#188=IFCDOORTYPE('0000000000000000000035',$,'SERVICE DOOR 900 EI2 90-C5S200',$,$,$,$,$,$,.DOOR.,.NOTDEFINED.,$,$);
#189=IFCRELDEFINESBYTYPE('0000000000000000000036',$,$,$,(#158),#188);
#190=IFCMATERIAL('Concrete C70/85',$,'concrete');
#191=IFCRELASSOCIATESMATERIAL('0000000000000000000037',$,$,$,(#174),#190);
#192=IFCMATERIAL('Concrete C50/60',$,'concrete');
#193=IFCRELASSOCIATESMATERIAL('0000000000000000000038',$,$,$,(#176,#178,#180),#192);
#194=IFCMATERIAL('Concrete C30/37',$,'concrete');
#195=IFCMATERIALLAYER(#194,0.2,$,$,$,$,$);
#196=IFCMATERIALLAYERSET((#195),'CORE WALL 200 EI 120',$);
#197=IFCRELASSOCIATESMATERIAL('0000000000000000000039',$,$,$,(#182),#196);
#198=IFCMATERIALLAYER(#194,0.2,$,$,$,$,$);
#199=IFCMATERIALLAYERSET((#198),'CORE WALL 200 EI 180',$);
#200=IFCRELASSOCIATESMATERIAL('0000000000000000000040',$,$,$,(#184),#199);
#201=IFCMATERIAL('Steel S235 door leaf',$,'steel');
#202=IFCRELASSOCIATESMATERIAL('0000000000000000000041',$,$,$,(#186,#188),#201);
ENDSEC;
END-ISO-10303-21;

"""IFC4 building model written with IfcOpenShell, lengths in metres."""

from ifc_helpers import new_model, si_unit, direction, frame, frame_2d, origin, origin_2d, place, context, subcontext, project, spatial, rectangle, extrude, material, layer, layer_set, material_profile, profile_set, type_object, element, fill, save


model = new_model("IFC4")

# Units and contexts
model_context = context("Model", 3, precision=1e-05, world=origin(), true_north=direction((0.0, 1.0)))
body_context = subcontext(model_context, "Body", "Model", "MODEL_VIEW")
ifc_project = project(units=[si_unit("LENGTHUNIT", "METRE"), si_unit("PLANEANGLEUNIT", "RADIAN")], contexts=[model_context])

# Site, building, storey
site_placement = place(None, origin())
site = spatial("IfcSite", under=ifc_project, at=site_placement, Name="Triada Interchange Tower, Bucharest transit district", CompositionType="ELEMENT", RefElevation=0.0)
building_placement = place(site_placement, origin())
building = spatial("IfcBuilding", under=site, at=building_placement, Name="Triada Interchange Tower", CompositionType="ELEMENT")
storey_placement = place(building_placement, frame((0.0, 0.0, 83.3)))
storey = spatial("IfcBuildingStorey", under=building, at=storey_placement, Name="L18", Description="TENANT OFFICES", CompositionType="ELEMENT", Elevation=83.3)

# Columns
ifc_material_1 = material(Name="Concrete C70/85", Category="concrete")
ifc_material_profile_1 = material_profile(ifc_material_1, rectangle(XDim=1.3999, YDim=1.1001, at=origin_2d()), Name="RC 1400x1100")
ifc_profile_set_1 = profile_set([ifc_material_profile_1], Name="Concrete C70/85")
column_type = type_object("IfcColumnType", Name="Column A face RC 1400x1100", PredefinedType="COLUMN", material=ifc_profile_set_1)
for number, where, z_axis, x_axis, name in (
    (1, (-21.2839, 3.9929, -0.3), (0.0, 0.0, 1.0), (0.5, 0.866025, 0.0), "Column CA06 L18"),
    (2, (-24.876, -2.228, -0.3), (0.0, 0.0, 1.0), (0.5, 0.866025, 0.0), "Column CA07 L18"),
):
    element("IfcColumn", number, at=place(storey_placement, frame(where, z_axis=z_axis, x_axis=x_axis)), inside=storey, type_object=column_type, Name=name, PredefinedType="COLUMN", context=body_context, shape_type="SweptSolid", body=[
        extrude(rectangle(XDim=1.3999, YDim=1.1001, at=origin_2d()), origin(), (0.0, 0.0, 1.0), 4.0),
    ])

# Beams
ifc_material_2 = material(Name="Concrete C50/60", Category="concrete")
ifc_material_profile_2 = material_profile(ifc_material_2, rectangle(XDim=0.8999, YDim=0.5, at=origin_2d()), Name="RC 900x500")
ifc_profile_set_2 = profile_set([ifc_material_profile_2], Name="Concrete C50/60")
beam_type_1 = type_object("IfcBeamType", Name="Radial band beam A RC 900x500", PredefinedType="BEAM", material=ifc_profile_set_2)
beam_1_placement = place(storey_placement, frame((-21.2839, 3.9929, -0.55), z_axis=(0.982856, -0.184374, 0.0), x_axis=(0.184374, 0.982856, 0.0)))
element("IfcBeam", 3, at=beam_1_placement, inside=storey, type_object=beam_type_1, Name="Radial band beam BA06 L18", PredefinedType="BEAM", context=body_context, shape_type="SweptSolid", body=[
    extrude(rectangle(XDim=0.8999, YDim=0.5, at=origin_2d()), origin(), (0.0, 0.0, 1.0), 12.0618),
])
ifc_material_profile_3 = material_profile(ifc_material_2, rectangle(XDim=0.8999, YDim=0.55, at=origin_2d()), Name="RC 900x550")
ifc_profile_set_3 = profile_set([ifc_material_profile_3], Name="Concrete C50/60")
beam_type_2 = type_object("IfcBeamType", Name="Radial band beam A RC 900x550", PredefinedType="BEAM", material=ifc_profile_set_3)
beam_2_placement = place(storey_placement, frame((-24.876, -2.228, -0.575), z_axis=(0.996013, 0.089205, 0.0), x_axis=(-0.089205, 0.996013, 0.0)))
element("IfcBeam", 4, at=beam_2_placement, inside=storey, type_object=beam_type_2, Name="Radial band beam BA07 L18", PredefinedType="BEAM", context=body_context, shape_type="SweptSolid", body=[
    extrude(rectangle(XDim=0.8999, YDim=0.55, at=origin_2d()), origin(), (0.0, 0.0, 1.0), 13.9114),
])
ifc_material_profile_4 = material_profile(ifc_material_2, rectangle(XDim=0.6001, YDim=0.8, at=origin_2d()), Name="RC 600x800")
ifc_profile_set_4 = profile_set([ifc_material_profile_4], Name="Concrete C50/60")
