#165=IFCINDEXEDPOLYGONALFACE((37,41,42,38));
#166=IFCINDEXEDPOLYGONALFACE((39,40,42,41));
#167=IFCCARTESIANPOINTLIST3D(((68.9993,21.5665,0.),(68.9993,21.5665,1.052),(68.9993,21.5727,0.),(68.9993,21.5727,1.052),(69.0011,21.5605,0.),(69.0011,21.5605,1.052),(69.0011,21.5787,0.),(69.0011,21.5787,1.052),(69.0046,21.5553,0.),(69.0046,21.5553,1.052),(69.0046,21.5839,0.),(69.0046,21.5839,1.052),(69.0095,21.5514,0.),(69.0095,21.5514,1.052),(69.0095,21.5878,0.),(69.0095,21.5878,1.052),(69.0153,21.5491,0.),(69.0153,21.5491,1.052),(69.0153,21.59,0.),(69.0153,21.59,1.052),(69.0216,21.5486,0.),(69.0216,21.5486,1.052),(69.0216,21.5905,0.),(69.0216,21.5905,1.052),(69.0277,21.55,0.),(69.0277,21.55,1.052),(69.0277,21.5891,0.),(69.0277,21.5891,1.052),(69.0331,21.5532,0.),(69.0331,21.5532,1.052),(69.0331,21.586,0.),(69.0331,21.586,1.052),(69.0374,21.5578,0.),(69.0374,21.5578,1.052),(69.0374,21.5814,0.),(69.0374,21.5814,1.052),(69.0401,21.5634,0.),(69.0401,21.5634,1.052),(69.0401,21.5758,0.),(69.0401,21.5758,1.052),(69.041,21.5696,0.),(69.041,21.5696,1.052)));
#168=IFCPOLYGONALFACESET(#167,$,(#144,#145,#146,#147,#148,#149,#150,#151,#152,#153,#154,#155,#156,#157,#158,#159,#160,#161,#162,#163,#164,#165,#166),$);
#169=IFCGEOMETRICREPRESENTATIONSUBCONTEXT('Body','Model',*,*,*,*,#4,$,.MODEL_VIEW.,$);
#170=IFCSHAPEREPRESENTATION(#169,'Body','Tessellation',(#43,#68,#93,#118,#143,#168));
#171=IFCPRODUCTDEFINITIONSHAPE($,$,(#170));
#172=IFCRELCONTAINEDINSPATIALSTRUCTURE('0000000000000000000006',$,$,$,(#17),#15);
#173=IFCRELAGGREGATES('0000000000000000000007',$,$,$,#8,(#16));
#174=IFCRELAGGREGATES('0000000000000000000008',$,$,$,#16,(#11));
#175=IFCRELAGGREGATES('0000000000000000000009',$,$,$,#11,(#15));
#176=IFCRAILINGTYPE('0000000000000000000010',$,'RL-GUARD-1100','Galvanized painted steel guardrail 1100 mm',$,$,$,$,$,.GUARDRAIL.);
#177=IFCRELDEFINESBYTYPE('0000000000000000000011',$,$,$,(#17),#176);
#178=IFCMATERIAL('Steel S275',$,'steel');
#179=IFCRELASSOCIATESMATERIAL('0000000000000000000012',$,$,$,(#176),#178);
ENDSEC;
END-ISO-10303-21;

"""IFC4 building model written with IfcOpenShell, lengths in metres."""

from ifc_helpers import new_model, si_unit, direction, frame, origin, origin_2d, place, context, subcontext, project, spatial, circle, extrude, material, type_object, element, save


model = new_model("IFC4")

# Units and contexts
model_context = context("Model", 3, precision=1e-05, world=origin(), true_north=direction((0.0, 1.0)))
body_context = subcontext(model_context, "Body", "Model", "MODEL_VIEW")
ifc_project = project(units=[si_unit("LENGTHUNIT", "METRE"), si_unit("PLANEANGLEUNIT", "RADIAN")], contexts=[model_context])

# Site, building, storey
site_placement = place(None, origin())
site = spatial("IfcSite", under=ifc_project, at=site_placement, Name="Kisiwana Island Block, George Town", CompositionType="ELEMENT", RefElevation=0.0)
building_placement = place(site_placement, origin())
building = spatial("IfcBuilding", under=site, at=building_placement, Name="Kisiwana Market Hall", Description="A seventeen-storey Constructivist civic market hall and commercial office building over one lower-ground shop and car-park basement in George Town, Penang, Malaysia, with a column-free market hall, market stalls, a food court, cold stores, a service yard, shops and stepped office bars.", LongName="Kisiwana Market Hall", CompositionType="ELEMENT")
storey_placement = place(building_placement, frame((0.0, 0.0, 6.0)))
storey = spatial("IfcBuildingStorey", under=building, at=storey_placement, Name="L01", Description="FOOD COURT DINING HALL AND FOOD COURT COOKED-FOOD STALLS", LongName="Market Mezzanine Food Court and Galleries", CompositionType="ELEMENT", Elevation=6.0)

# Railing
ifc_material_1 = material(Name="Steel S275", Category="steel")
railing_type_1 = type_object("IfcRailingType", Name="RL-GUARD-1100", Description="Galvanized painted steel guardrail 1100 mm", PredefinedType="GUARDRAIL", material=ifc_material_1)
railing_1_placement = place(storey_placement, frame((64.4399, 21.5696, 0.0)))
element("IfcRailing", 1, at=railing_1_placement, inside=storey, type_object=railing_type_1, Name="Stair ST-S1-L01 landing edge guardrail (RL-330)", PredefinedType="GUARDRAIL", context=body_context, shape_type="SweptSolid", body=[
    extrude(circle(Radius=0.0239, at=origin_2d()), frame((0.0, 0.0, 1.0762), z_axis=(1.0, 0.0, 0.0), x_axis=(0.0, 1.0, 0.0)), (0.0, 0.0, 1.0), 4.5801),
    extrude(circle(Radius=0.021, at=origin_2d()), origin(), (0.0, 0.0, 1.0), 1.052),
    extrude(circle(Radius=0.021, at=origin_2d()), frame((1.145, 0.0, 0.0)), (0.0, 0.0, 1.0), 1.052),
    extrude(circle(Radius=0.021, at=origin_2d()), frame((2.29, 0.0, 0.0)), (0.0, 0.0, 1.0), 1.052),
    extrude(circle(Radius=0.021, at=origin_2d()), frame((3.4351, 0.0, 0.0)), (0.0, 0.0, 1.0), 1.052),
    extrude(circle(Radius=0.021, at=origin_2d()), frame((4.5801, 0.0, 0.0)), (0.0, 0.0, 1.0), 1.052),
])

DIRECTIONS FOR THIS TASK
All lines above containing the string "Tower" are to be collected.

SOLUTION
site = spatial("IfcSite", under=ifc_project, at=site_placement, Name="Triada Interchange Tower, Bucharest transit district", CompositionType="ELEMENT", RefElevation=0.0)
building = spatial("IfcBuilding", under=site, at=building_placement, Name="Triada Interchange Tower", CompositionType="ELEMENT")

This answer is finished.